◆ What to do ◆
Only some lines are wanted. Transcribe, exactly, the lines below from the line with "#104=IFCINDEXEDPOLYGONALFACE((1,2,4,3));" up to and including the line with "#109=IFCINDEXEDPOLYGONALFACE((5,7,8,6));".

◆ The data ◆
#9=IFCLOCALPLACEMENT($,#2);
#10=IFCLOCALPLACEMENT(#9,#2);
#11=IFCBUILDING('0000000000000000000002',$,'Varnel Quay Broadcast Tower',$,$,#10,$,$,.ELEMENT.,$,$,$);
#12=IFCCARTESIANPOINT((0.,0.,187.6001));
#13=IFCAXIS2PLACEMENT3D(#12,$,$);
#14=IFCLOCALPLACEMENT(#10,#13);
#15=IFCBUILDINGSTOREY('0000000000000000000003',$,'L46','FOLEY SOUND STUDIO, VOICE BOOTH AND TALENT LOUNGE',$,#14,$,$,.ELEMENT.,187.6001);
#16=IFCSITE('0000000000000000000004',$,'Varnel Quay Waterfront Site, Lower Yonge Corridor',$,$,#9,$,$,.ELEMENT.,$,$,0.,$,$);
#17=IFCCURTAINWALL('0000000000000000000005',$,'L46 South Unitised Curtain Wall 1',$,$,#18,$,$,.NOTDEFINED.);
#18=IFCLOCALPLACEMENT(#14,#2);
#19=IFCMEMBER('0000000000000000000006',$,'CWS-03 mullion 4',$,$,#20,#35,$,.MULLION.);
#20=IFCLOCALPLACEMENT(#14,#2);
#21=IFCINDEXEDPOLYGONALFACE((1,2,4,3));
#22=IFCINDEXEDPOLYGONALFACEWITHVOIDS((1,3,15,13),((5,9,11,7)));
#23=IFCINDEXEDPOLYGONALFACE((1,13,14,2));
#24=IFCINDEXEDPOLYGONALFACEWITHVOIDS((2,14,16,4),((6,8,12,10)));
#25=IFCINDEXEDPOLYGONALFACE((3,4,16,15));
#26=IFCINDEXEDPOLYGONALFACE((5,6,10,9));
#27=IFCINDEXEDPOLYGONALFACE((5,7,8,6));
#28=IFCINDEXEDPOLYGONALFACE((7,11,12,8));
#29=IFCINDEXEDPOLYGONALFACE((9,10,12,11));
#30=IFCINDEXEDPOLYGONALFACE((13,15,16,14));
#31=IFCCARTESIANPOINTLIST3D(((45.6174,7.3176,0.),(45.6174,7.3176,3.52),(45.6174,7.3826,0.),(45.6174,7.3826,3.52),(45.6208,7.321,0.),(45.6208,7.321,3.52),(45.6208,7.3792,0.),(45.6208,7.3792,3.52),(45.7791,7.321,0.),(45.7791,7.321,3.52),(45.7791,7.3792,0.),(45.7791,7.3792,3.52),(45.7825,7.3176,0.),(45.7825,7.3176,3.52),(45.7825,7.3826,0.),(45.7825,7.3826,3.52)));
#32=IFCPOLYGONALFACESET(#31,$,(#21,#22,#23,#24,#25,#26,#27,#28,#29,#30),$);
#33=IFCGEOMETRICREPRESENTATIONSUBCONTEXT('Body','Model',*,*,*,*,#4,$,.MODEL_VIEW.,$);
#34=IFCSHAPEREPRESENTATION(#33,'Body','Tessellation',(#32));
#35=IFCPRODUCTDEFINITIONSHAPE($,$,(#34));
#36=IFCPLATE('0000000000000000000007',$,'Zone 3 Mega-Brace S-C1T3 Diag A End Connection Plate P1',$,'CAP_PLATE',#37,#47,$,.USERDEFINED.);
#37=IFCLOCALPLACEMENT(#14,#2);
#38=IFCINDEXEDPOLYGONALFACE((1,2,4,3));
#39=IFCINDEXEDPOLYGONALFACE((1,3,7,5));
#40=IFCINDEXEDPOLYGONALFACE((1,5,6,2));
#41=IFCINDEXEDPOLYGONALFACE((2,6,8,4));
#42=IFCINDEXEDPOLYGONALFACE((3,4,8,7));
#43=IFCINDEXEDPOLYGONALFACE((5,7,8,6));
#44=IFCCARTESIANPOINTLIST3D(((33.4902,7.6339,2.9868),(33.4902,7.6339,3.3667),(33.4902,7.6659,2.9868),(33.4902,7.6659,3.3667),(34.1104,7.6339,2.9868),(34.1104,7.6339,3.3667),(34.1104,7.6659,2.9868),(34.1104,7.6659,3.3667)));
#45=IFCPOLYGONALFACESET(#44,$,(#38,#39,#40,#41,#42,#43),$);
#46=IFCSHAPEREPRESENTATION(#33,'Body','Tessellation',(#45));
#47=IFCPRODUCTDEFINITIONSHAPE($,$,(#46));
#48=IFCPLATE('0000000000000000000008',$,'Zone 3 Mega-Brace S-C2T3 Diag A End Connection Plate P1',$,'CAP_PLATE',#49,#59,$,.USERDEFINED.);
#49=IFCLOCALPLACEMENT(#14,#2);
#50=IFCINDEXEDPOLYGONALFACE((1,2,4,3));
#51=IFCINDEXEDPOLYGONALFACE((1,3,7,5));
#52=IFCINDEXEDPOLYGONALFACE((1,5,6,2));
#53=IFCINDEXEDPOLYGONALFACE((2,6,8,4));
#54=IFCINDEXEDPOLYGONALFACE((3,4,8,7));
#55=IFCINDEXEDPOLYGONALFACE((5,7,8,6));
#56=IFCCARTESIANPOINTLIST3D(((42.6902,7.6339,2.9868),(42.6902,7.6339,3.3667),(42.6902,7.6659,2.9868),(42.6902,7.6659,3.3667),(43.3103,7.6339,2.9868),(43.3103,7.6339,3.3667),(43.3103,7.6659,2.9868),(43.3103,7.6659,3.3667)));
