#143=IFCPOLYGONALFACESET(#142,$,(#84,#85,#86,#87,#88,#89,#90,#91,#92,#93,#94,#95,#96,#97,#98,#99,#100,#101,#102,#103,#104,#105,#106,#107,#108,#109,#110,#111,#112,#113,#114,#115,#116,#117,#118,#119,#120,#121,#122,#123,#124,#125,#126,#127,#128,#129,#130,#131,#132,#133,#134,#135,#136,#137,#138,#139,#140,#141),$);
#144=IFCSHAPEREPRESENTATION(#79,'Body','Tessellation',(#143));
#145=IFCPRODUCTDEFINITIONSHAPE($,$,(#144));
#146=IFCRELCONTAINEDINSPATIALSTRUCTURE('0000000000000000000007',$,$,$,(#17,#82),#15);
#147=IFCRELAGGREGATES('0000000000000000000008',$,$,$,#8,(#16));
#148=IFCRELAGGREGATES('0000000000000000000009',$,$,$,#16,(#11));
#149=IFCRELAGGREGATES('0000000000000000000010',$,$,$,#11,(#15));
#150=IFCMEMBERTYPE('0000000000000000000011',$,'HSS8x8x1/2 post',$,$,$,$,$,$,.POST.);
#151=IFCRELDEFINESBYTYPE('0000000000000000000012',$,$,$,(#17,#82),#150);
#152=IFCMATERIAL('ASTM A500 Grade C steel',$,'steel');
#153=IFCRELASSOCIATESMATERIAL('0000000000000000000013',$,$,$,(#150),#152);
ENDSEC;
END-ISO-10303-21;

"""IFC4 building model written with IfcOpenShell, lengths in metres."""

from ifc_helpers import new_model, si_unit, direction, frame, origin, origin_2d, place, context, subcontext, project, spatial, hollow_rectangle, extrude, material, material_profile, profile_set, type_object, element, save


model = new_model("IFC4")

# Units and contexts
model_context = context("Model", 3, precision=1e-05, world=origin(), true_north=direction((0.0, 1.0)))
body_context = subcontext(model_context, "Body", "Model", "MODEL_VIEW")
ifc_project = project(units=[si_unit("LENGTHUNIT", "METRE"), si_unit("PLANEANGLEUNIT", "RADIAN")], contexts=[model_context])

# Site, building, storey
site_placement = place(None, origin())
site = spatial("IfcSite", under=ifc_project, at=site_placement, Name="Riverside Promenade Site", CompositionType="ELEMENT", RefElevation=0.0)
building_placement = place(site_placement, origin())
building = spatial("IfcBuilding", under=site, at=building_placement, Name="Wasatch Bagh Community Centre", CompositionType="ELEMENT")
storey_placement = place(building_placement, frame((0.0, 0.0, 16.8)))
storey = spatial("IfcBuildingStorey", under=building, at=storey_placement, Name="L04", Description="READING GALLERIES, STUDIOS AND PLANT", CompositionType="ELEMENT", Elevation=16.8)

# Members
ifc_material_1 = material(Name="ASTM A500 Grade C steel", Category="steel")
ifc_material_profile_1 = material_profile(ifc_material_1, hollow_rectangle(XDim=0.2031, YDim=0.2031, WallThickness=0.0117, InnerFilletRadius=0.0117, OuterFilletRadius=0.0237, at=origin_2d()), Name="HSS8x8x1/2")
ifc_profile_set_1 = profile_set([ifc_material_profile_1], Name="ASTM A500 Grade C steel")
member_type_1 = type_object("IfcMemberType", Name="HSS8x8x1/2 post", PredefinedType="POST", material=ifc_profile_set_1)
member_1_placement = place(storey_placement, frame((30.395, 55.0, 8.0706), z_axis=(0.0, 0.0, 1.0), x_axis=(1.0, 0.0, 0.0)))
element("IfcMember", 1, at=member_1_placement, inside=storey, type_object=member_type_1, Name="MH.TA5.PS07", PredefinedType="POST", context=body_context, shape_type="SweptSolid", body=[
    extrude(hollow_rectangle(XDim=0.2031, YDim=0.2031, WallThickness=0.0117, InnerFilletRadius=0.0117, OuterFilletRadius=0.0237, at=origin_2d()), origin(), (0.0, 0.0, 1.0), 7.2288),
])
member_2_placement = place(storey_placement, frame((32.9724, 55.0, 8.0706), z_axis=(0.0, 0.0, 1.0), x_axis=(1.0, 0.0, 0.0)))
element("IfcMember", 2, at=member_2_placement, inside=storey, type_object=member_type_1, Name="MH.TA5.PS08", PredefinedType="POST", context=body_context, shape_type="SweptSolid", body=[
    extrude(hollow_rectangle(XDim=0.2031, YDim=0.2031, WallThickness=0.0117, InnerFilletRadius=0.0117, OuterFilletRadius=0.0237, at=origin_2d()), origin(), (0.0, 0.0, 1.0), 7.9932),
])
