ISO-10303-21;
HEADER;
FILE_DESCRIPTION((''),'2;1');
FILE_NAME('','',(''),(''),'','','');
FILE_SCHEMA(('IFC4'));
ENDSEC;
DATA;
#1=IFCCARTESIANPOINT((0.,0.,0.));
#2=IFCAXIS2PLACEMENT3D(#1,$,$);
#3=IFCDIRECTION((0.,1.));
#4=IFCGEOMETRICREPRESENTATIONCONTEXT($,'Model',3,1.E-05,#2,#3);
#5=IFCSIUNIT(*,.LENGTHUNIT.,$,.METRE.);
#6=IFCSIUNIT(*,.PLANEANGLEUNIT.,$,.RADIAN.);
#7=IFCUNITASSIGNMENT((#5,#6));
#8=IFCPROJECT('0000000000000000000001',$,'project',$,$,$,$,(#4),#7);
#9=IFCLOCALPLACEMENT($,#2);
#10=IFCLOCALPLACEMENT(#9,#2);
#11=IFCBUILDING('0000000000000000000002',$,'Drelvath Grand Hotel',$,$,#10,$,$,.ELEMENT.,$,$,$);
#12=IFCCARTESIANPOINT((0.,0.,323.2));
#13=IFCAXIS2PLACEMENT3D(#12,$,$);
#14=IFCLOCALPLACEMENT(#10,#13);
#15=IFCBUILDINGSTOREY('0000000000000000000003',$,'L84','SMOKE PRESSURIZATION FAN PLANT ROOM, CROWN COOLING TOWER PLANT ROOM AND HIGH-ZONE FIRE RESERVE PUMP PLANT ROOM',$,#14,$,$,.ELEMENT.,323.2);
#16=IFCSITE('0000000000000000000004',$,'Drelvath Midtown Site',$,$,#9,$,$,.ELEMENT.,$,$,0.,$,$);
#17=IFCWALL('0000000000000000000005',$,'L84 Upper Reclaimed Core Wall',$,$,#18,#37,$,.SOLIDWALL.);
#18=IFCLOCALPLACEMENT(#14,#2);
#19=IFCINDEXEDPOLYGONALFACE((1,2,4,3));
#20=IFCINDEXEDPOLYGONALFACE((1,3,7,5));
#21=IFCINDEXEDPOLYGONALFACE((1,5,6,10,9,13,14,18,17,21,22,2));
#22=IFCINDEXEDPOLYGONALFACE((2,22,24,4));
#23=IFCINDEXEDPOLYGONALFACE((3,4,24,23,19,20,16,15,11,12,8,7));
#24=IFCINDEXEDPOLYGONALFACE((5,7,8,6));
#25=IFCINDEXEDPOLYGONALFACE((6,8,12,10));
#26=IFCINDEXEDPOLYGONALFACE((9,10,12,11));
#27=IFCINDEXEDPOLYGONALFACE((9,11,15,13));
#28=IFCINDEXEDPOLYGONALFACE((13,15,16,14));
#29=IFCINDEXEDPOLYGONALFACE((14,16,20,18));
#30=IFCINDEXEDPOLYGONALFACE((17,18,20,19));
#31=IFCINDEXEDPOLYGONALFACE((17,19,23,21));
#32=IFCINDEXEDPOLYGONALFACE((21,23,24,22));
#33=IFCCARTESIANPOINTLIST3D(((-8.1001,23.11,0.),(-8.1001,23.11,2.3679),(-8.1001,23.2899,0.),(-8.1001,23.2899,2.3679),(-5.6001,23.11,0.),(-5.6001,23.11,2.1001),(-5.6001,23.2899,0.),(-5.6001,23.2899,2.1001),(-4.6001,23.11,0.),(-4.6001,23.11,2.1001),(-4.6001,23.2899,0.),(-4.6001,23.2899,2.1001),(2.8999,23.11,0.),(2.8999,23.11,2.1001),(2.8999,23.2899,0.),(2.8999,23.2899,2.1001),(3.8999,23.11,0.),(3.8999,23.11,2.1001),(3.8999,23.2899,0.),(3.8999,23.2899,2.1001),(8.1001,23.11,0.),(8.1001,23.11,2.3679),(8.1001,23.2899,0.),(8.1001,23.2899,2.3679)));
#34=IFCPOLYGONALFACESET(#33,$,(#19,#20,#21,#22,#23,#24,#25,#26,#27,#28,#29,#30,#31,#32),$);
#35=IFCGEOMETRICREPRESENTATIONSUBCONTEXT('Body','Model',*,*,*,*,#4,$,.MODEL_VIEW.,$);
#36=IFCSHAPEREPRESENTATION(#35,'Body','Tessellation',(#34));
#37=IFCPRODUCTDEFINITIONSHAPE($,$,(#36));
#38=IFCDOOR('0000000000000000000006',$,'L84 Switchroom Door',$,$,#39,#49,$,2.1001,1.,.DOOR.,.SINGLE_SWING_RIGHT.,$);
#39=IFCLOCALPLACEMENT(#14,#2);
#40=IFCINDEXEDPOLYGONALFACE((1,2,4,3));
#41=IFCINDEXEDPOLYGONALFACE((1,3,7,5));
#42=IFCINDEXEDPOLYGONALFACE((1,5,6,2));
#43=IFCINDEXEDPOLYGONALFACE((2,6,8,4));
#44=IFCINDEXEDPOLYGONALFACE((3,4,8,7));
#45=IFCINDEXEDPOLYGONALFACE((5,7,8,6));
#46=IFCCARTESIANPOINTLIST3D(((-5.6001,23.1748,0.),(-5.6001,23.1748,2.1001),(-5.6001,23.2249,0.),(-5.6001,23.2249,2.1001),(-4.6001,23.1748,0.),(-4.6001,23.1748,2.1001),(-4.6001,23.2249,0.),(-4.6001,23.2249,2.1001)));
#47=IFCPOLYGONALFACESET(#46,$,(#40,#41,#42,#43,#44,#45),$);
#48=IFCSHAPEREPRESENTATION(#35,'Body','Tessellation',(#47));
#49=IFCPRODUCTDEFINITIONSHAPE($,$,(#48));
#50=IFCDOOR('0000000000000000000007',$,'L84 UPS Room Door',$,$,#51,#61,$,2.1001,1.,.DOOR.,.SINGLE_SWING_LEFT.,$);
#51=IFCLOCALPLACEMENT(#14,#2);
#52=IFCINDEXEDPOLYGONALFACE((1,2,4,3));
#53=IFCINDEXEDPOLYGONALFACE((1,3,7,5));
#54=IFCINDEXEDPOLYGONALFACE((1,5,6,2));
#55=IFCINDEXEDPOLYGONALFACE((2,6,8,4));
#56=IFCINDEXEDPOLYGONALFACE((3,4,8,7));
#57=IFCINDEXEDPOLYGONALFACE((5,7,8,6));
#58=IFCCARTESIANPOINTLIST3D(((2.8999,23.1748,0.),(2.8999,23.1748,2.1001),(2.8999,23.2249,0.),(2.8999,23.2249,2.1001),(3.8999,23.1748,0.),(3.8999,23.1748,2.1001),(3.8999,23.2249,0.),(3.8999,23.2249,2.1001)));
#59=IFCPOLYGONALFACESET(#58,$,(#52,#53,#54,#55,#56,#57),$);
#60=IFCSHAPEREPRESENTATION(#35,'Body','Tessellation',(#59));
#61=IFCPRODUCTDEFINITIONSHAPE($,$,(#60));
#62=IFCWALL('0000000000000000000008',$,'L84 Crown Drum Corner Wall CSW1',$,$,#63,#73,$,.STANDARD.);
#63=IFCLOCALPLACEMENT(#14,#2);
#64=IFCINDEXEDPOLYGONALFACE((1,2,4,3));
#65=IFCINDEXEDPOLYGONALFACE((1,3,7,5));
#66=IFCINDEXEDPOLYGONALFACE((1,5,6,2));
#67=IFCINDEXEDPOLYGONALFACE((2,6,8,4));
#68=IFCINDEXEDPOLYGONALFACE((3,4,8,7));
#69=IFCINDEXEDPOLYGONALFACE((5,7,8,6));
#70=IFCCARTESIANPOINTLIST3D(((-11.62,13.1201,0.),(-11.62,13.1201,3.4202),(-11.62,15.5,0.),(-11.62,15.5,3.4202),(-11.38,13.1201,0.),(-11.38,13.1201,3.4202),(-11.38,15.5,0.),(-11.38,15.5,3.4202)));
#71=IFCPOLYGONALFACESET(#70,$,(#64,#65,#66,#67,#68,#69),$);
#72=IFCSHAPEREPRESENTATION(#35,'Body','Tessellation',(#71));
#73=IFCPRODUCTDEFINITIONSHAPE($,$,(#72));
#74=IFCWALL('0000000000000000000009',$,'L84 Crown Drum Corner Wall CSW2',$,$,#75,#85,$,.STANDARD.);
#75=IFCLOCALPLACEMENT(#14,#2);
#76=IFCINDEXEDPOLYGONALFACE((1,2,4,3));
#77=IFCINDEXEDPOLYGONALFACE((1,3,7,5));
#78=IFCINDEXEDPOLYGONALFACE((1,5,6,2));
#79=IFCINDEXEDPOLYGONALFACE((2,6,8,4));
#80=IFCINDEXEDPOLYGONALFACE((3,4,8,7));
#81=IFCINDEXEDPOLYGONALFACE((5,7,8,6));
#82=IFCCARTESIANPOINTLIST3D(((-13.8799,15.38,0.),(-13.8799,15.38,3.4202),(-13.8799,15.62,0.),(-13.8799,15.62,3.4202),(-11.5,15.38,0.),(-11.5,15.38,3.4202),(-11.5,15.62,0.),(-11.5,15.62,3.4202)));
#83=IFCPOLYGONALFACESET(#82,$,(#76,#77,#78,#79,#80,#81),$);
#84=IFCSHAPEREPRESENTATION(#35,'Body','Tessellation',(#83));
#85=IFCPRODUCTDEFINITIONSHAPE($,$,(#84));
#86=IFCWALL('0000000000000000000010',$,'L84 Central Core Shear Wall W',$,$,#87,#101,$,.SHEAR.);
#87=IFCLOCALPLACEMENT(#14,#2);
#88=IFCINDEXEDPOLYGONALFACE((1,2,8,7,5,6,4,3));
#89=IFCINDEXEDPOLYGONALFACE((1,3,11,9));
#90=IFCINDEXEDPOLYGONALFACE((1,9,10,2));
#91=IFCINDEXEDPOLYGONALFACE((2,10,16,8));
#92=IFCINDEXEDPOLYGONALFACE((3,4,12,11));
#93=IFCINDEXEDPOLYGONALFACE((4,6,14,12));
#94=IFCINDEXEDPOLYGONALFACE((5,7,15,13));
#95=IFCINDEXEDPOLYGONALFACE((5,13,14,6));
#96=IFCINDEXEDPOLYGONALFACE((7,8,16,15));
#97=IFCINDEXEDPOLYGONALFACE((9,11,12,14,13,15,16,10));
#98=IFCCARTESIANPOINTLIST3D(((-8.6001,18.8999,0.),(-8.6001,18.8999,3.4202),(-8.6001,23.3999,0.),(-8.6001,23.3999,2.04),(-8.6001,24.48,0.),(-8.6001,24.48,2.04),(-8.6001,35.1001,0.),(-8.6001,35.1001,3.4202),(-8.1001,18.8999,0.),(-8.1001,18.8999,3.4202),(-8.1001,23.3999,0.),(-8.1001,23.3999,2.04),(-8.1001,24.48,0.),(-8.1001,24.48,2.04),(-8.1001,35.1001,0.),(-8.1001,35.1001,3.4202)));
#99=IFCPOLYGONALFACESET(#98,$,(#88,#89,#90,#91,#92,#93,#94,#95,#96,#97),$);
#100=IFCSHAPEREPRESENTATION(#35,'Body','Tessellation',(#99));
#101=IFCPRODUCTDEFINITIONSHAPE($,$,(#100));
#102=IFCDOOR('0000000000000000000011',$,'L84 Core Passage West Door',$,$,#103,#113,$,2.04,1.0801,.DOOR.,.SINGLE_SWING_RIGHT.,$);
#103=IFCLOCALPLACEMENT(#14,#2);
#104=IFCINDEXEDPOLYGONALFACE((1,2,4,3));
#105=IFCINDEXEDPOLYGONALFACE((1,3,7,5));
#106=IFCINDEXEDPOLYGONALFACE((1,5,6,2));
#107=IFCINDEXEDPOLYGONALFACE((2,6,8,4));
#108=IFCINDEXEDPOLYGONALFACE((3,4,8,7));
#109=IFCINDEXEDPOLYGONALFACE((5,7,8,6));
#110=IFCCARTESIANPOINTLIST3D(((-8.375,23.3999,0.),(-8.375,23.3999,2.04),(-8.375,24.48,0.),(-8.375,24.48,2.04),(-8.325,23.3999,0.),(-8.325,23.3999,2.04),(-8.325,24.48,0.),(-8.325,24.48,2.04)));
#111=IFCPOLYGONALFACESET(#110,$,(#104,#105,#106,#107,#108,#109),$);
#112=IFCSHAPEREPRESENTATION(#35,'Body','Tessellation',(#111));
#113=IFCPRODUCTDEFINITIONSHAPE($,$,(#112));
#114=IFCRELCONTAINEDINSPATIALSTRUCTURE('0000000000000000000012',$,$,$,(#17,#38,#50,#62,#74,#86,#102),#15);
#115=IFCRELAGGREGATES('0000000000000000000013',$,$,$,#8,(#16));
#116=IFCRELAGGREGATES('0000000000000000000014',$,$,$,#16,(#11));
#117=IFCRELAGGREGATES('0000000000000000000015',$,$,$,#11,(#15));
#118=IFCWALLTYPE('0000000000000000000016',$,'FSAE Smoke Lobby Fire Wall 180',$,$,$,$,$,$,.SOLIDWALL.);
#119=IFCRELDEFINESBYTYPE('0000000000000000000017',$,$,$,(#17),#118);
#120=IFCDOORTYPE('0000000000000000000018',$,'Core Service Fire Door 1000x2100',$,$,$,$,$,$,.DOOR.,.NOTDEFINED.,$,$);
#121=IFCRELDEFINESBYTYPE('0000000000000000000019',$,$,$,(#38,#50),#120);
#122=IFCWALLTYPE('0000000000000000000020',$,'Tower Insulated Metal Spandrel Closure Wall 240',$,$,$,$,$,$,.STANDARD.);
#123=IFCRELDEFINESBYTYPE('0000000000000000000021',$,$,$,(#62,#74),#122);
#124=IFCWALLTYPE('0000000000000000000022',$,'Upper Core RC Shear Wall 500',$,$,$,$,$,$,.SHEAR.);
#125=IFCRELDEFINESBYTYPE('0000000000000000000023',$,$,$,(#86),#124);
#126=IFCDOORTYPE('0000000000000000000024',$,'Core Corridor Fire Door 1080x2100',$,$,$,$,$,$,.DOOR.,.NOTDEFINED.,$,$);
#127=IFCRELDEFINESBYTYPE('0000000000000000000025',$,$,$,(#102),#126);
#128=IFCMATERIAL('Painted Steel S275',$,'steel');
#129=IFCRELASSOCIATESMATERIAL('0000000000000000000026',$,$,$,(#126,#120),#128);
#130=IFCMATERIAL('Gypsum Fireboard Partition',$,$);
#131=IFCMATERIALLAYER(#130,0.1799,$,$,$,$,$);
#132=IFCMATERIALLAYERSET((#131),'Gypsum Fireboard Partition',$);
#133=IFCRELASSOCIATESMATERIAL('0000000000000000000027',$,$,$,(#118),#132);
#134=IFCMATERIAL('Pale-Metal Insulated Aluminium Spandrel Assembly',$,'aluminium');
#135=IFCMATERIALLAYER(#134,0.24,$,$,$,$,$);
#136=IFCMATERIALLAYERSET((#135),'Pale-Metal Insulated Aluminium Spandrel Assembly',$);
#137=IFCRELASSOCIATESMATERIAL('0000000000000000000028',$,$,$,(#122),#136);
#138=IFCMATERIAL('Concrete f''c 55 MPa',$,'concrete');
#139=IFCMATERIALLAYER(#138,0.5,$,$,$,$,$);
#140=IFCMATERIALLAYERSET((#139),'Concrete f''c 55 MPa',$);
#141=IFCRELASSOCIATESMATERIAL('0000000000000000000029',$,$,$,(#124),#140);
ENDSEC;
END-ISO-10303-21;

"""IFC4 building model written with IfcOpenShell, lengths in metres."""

from ifc_helpers import new_model, si_unit, direction, frame, frame_2d, origin, place, context, subcontext, project, spatial, rectangle, extrude, material, layer, layer_set, type_object, element, fill, save


model = new_model("IFC4")

# Units and contexts
model_context = context("Model", 3, precision=1e-05, world=origin(), true_north=direction((0.0, 1.0)))
body_context = subcontext(model_context, "Body", "Model", "MODEL_VIEW")
ifc_project = project(units=[si_unit("LENGTHUNIT", "METRE"), si_unit("PLANEANGLEUNIT", "RADIAN")], contexts=[model_context])

# Site, building, storey
site_placement = place(None, origin())
site = spatial("IfcSite", under=ifc_project, at=site_placement, Name="Drelvath Midtown Site", CompositionType="ELEMENT", RefElevation=0.0)
building_placement = place(site_placement, origin())
building = spatial("IfcBuilding", under=site, at=building_placement, Name="Drelvath Grand Hotel", CompositionType="ELEMENT")
storey_placement = place(building_placement, frame((0.0, 0.0, 323.2)))
storey = spatial("IfcBuildingStorey", under=building, at=storey_placement, Name="L84", Description="SMOKE PRESSURIZATION FAN PLANT ROOM, CROWN COOLING TOWER PLANT ROOM AND HIGH-ZONE FIRE RESERVE PUMP PLANT ROOM", CompositionType="ELEMENT", Elevation=323.2)

# Shared definitions
ifc_material_1 = material(Name="Concrete f'c 55 MPa", Category="concrete")

# Shared definitions
ifc_material_2 = material(Name="Painted Steel S275", Category="steel")

# Shared definitions
ifc_material_3 = material(Name="Gypsum Fireboard Partition")
door_type_1 = type_object("IfcDoorType", Name="Core Corridor Fire Door 1080x2100", OperationType="NOTDEFINED", PredefinedType="DOOR", material=ifc_material_2)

◆ Exercise solution ◆
#104=IFCINDEXEDPOLYGONALFACE((1,2,4,3));
#105=IFCINDEXEDPOLYGONALFACE((1,3,7,5));
#106=IFCINDEXEDPOLYGONALFACE((1,5,6,2));
#107=IFCINDEXEDPOLYGONALFACE((2,6,8,4));
#108=IFCINDEXEDPOLYGONALFACE((3,4,8,7));
#109=IFCINDEXEDPOLYGONALFACE((5,7,8,6));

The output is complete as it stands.